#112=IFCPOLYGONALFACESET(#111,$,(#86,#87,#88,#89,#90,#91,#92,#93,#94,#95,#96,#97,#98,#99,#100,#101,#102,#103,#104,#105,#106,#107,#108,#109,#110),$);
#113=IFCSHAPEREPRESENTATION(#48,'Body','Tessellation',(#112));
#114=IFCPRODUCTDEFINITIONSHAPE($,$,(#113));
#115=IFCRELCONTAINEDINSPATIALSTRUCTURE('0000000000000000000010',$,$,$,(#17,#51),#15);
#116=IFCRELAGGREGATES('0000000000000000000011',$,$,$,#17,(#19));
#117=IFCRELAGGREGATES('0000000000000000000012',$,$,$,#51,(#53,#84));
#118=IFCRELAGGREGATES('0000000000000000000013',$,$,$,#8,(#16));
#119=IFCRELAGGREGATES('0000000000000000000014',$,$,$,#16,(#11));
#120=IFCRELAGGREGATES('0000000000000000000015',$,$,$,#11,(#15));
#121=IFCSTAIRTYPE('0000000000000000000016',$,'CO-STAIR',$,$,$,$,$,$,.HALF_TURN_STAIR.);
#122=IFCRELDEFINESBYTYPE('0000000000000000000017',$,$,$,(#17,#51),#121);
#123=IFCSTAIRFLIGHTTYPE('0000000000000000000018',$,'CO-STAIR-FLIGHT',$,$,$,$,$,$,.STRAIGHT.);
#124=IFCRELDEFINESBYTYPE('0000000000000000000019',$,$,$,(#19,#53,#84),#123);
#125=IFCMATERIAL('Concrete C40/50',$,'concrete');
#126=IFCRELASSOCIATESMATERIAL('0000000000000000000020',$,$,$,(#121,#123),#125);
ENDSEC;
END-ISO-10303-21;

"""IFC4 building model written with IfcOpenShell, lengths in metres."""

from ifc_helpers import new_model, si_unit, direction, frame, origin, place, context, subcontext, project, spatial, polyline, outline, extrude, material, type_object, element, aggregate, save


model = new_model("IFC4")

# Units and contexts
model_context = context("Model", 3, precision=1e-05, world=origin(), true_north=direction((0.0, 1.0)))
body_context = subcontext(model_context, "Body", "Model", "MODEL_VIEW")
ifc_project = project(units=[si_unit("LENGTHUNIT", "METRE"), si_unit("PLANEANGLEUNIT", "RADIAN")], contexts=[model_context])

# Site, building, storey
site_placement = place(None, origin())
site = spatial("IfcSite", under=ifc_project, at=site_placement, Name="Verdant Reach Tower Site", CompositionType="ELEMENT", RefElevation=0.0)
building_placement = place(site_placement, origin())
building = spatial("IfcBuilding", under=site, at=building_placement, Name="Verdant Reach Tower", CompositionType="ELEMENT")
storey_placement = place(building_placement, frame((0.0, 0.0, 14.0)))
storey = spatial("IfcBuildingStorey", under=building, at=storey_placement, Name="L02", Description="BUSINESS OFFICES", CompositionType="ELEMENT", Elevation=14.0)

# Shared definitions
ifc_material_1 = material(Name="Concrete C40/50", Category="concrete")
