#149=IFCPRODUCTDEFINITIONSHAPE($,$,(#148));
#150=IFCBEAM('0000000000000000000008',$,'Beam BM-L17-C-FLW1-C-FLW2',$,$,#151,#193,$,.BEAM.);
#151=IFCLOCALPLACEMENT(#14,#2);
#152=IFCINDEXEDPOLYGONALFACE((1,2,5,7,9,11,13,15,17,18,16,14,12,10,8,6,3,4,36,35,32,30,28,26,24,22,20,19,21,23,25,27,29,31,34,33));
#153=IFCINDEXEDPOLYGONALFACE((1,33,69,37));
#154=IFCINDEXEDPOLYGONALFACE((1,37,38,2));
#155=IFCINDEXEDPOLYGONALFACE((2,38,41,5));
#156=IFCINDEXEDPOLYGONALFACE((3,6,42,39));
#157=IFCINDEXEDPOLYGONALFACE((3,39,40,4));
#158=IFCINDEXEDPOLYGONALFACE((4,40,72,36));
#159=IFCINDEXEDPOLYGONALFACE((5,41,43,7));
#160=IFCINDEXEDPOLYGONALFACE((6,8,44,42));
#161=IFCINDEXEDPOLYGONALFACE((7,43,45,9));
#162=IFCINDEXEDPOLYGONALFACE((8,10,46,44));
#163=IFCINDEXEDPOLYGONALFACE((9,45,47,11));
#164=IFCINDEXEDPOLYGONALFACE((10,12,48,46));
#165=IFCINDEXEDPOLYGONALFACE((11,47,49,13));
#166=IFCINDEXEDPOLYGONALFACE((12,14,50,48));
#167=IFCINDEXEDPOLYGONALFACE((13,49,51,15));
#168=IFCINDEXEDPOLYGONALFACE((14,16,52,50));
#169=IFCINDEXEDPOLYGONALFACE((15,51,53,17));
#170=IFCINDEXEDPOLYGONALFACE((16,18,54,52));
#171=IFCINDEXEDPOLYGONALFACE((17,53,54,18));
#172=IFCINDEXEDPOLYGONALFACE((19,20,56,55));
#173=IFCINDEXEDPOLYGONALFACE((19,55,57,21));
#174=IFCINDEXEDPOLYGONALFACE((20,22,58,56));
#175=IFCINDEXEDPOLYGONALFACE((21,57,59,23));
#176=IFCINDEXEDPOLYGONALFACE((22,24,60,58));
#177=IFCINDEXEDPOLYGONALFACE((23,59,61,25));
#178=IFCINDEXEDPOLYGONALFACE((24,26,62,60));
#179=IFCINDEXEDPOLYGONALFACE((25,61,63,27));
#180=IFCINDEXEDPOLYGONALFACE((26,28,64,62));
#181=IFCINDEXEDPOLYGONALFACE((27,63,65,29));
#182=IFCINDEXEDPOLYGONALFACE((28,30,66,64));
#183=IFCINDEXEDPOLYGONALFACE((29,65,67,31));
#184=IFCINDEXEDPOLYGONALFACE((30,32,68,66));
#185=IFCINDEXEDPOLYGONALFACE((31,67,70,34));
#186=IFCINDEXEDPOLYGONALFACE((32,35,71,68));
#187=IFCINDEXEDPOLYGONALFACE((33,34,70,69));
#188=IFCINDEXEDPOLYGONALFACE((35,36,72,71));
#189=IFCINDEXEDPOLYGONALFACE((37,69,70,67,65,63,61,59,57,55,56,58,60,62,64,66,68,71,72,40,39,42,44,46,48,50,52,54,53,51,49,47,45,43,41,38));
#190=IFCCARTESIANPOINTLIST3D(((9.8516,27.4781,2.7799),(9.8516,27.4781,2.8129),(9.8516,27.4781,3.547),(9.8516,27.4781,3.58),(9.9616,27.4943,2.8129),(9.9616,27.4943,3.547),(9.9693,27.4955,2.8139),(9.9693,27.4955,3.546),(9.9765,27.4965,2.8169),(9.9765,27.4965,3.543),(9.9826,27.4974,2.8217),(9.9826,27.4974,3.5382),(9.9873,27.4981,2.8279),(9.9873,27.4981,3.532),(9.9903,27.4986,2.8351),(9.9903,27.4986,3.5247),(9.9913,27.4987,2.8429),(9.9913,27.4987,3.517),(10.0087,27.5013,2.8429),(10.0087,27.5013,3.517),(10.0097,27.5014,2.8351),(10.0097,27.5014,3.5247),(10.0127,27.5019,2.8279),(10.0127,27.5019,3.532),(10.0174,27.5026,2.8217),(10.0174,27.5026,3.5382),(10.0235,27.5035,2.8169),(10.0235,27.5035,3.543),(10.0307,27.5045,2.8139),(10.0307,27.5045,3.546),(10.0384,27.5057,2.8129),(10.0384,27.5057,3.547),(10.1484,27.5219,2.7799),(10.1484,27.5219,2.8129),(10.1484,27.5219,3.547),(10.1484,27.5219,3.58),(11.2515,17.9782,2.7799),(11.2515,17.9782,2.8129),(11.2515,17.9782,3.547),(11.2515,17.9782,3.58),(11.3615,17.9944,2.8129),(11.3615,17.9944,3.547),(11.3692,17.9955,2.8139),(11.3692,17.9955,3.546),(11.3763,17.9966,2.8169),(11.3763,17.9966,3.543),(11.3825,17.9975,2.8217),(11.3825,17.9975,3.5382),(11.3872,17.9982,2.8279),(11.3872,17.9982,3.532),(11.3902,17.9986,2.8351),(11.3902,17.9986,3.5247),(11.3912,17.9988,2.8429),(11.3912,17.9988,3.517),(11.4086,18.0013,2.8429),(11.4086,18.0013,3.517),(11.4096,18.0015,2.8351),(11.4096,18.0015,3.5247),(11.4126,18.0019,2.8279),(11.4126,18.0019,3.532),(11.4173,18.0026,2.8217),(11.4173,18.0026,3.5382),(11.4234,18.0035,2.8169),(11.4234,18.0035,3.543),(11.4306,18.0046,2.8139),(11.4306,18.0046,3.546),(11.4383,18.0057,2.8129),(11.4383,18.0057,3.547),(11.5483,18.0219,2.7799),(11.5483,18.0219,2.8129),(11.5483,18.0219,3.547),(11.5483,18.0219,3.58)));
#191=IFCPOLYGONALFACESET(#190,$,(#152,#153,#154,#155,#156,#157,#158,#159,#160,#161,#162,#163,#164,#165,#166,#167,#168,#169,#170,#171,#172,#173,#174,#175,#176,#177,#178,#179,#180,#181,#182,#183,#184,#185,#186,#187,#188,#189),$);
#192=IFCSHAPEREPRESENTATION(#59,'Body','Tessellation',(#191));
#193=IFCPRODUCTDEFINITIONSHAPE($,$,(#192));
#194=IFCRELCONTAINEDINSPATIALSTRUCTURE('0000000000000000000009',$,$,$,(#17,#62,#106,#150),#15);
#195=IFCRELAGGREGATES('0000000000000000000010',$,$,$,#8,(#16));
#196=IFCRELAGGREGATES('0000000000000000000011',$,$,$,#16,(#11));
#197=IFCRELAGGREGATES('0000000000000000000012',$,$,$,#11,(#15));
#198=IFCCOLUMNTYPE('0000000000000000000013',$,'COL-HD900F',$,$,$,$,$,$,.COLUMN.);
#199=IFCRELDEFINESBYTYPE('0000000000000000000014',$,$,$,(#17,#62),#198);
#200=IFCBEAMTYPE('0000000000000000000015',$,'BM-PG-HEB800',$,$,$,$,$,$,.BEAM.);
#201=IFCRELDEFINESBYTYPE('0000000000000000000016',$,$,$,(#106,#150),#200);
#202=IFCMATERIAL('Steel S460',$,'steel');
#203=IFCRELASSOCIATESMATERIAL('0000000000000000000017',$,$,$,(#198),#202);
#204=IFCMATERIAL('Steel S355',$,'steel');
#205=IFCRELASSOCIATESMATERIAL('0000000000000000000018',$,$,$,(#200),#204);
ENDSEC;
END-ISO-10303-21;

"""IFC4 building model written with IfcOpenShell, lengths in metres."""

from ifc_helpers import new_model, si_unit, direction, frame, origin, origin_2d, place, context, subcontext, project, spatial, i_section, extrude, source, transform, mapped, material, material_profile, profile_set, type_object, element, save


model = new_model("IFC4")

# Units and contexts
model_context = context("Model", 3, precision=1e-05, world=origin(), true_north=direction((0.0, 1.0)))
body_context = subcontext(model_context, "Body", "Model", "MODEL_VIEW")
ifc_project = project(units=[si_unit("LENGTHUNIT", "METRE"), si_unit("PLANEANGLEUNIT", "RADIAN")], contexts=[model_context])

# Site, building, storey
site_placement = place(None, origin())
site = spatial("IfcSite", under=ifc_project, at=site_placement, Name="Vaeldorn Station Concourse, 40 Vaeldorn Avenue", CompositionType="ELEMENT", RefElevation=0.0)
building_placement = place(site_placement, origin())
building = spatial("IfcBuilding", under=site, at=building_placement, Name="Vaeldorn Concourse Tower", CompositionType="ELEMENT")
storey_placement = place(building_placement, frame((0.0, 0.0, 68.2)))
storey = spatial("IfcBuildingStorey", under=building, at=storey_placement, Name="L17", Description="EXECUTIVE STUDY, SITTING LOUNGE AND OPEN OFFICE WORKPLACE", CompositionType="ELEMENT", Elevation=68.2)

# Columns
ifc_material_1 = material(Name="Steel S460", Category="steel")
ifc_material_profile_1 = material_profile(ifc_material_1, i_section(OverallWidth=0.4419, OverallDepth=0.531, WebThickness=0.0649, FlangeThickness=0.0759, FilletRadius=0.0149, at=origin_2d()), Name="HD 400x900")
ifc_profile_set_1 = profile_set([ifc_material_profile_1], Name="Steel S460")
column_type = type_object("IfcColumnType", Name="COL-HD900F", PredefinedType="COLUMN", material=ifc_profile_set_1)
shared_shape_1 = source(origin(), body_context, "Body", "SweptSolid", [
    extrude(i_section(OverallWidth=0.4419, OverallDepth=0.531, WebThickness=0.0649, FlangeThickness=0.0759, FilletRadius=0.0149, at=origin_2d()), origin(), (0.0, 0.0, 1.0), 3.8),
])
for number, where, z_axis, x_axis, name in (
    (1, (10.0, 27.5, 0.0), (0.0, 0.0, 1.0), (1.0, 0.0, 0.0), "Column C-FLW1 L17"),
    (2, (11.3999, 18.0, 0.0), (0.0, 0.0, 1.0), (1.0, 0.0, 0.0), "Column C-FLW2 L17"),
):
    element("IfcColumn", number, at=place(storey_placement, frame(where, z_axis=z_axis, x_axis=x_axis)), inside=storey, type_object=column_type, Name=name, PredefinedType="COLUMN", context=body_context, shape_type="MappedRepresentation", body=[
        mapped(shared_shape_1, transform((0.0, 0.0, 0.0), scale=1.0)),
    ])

*-*-*

Working through the entries line by line, count those containing "IfcBuildingStorey" and report only the number.

2